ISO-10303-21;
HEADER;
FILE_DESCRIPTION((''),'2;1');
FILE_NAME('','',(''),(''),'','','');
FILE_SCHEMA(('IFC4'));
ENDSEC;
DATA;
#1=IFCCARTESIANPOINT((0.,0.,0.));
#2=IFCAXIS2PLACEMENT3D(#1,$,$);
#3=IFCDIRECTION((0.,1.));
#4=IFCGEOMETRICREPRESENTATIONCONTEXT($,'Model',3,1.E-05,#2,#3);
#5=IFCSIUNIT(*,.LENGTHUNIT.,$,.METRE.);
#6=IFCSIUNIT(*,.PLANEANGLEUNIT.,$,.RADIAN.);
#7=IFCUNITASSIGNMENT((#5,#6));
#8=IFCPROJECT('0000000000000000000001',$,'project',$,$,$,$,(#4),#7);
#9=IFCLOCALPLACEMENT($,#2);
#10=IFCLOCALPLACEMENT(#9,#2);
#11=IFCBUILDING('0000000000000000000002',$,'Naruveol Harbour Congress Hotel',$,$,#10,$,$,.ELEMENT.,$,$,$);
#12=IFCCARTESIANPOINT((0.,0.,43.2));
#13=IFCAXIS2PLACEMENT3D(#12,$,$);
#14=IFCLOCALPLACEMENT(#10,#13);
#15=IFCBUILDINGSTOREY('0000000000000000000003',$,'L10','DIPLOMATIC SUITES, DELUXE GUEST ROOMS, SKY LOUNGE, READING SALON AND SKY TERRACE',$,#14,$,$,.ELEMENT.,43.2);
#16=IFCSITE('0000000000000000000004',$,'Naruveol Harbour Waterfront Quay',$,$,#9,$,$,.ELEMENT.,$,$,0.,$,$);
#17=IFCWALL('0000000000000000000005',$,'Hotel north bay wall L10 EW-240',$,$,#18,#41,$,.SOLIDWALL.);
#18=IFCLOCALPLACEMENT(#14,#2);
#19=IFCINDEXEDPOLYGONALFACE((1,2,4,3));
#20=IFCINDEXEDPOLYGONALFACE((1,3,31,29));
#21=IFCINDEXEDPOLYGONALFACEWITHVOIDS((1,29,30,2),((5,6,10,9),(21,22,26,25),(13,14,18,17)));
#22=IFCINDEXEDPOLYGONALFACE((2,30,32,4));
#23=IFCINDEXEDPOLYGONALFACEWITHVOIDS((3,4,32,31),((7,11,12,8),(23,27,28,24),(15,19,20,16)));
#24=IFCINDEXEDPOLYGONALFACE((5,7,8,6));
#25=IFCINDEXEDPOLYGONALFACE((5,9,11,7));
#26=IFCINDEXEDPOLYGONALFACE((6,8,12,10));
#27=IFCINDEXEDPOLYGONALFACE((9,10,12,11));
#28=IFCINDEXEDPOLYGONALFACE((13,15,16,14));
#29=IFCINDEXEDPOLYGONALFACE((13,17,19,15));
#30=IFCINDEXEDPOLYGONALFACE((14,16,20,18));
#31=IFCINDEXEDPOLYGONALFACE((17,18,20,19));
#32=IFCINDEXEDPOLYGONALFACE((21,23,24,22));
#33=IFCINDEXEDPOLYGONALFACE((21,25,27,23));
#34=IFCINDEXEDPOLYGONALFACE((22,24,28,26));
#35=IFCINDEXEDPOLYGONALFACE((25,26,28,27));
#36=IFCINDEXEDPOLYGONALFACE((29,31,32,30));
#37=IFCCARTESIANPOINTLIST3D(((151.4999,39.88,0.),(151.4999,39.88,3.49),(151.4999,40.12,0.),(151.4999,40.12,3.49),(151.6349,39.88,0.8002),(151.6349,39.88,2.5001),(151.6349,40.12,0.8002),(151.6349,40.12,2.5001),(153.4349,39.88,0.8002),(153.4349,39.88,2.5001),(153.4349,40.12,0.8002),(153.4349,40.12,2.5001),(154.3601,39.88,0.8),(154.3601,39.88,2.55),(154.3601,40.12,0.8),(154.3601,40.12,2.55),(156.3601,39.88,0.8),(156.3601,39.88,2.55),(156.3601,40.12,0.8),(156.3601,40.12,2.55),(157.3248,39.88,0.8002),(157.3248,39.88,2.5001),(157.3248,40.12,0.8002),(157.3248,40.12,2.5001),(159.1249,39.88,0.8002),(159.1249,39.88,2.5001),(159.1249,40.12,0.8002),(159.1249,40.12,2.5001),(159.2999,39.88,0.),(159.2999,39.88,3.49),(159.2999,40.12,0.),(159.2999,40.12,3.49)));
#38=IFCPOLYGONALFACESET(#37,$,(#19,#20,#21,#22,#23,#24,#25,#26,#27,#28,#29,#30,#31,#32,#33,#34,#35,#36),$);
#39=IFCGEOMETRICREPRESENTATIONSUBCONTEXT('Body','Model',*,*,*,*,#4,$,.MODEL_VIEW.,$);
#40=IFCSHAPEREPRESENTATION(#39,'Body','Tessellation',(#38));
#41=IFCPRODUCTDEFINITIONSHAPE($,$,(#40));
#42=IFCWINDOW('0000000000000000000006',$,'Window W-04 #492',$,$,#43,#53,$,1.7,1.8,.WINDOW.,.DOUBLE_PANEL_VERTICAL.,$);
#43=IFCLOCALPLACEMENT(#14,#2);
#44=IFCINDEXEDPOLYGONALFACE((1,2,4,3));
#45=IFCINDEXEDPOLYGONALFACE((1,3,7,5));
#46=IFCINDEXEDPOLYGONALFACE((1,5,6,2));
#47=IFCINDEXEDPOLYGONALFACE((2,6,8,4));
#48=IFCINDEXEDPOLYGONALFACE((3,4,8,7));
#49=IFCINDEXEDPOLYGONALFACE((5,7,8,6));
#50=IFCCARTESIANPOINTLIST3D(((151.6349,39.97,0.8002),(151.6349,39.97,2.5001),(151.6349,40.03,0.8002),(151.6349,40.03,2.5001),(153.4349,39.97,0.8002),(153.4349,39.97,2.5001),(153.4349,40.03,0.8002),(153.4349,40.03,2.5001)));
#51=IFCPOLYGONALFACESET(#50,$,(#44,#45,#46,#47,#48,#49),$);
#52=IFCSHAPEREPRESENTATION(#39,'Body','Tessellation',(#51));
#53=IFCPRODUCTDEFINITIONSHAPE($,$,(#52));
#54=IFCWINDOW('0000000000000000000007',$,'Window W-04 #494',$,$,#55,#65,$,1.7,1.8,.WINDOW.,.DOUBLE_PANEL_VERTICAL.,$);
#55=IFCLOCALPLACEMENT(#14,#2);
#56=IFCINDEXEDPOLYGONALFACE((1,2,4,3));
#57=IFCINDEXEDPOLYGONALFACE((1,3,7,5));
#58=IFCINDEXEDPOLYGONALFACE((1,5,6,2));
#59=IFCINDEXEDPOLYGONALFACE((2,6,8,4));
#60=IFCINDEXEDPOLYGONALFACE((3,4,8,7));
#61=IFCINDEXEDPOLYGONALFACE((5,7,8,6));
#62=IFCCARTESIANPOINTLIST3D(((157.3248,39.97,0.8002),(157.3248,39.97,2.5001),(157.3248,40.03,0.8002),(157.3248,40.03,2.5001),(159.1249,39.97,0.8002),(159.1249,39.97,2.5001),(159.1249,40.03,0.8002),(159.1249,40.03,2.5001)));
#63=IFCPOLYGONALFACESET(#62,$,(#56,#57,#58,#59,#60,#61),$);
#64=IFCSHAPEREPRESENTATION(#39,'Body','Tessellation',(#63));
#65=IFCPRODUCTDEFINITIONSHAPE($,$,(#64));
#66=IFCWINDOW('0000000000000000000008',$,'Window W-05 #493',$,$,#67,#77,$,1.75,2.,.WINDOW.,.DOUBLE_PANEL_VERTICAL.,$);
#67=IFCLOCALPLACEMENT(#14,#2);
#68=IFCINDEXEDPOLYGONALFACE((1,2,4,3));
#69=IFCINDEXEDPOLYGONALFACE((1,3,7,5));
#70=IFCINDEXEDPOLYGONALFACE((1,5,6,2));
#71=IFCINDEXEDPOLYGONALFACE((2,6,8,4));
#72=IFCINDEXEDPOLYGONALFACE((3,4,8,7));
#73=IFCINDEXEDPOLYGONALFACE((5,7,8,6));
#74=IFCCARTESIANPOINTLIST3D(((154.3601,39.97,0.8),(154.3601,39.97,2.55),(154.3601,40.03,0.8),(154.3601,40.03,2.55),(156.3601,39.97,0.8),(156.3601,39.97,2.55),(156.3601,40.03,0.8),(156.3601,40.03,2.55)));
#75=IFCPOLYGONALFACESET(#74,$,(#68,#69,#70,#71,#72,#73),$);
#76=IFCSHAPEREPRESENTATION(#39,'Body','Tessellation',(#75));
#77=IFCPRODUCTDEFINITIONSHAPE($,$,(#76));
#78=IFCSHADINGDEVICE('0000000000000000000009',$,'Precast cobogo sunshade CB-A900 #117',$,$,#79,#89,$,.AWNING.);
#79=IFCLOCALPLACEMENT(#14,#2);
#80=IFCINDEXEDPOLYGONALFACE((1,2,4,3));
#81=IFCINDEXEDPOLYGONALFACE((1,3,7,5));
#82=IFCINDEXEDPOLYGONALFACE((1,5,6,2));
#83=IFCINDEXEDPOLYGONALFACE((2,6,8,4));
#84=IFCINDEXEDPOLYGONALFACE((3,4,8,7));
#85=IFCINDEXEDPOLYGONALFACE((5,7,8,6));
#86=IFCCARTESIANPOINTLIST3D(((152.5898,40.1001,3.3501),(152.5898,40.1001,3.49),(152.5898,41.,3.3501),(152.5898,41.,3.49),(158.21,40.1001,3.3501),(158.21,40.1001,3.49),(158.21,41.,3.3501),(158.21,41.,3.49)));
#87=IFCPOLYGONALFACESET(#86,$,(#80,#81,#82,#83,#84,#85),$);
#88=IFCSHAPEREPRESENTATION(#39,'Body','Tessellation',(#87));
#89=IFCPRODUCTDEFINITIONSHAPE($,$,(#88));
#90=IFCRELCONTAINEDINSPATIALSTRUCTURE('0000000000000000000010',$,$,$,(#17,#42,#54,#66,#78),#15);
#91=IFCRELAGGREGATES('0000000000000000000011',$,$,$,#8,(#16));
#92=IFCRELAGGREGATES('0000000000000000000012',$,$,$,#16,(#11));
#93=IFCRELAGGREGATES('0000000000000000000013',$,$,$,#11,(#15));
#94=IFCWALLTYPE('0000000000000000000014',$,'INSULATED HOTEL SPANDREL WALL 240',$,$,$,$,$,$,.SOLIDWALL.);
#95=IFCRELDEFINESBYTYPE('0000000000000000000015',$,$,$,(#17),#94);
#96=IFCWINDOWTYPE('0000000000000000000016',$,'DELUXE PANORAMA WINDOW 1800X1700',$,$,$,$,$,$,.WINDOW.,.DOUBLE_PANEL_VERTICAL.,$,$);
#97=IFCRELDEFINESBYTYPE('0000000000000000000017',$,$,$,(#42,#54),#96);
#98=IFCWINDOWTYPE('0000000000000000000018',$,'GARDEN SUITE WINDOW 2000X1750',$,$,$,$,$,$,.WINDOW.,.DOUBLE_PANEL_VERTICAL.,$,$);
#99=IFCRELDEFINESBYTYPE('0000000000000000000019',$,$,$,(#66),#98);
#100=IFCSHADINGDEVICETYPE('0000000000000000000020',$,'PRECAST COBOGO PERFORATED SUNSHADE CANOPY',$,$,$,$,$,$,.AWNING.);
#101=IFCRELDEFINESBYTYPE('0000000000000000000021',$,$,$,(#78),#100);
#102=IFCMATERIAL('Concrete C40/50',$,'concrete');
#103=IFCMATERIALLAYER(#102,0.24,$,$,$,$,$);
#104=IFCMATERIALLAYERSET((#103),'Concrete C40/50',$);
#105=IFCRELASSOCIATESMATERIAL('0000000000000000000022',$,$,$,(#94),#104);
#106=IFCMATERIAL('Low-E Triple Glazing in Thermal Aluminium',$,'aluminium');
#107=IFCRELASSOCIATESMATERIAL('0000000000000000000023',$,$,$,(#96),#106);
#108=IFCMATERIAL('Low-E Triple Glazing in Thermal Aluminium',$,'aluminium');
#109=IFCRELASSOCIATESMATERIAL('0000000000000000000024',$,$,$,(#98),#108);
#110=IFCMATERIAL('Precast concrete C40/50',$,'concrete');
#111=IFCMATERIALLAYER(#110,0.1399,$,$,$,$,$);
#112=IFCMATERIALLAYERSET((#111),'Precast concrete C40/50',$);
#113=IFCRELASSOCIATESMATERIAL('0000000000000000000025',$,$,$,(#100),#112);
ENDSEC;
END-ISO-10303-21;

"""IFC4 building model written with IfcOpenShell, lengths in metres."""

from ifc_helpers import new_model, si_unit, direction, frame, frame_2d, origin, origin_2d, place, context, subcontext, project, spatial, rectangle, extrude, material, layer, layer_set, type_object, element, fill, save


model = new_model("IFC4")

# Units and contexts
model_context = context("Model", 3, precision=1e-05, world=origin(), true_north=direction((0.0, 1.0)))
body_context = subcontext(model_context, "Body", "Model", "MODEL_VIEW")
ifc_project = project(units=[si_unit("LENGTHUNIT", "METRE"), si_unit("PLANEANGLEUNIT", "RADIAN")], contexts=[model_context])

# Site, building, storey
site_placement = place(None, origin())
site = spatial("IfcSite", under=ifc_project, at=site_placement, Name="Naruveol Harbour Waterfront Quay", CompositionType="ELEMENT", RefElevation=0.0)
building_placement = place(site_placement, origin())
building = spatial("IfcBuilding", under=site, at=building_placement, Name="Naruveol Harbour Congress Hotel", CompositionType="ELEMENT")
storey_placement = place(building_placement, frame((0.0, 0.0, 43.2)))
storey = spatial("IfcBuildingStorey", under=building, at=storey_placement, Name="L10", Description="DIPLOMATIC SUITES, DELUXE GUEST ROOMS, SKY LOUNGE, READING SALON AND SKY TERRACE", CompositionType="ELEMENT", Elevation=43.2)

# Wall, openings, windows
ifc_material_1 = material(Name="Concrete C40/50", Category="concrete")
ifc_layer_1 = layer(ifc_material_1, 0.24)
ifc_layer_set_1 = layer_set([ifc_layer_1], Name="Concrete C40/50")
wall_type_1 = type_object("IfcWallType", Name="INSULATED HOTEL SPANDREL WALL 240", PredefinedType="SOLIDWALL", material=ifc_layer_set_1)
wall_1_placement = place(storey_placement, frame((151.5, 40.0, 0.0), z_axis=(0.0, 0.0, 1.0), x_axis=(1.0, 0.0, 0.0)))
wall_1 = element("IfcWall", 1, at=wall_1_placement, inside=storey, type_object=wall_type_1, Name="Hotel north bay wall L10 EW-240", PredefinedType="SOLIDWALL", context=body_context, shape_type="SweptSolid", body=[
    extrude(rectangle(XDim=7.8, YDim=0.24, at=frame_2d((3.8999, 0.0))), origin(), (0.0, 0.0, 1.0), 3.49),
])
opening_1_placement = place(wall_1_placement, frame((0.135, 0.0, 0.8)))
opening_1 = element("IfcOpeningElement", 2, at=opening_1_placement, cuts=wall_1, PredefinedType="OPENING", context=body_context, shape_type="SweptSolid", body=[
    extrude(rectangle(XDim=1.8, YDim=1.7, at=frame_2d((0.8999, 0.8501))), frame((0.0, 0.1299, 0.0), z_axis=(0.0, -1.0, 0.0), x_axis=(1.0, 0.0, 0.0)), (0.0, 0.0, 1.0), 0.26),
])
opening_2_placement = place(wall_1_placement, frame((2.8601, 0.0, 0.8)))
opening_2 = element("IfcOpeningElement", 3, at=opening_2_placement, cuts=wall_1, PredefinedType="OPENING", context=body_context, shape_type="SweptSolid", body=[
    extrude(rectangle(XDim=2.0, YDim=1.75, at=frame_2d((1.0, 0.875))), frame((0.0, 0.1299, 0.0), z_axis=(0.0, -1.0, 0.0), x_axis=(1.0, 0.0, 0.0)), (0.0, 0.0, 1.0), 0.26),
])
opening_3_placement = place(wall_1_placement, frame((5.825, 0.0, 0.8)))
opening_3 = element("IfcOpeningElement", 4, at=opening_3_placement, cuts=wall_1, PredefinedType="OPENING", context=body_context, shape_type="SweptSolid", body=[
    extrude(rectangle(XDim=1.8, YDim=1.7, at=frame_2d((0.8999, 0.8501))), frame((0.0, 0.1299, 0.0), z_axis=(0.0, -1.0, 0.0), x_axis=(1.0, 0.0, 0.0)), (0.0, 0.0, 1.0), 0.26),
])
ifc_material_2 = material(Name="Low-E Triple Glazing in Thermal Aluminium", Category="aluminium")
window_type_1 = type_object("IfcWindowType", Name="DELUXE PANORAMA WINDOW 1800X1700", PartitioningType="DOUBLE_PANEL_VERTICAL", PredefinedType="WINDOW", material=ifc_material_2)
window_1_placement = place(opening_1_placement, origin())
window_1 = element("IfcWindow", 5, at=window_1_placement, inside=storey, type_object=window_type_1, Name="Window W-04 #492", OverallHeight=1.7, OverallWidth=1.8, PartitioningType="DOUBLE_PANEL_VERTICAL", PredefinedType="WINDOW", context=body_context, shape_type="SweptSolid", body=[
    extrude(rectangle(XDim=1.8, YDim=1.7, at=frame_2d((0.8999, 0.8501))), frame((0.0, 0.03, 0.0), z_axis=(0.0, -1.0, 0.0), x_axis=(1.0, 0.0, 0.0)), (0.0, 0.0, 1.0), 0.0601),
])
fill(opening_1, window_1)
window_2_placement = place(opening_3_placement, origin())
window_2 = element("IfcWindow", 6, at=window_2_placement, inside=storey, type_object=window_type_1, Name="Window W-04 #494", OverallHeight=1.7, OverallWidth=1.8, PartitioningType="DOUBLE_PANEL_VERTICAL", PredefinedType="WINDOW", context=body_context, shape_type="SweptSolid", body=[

————————

Required work
Could you repeat exactly the lines in the listing above from the one with "SPANDREL WALL 240',$,$,$,$,$,$,.SOLIDWALL.);" down to the one with "#108=IFCMATERIAL('Low-E Triple Glazing"? Include both of those lines.

Response for this exercise
#94=IFCWALLTYPE('0000000000000000000014',$,'INSULATED HOTEL SPANDREL WALL 240',$,$,$,$,$,$,.SOLIDWALL.);
#95=IFCRELDEFINESBYTYPE('0000000000000000000015',$,$,$,(#17),#94);
#96=IFCWINDOWTYPE('0000000000000000000016',$,'DELUXE PANORAMA WINDOW 1800X1700',$,$,$,$,$,$,.WINDOW.,.DOUBLE_PANEL_VERTICAL.,$,$);
#97=IFCRELDEFINESBYTYPE('0000000000000000000017',$,$,$,(#42,#54),#96);
#98=IFCWINDOWTYPE('0000000000000000000018',$,'GARDEN SUITE WINDOW 2000X1750',$,$,$,$,$,$,.WINDOW.,.DOUBLE_PANEL_VERTICAL.,$,$);
#99=IFCRELDEFINESBYTYPE('0000000000000000000019',$,$,$,(#66),#98);
#100=IFCSHADINGDEVICETYPE('0000000000000000000020',$,'PRECAST COBOGO PERFORATED SUNSHADE CANOPY',$,$,$,$,$,$,.AWNING.);
#101=IFCRELDEFINESBYTYPE('0000000000000000000021',$,$,$,(#78),#100);
#102=IFCMATERIAL('Concrete C40/50',$,'concrete');
#103=IFCMATERIALLAYER(#102,0.24,$,$,$,$,$);
#104=IFCMATERIALLAYERSET((#103),'Concrete C40/50',$);
#105=IFCRELASSOCIATESMATERIAL('0000000000000000000022',$,$,$,(#94),#104);
#106=IFCMATERIAL('Low-E Triple Glazing in Thermal Aluminium',$,'aluminium');
#107=IFCRELASSOCIATESMATERIAL('0000000000000000000023',$,$,$,(#96),#106);
#108=IFCMATERIAL('Low-E Triple Glazing in Thermal Aluminium',$,'aluminium');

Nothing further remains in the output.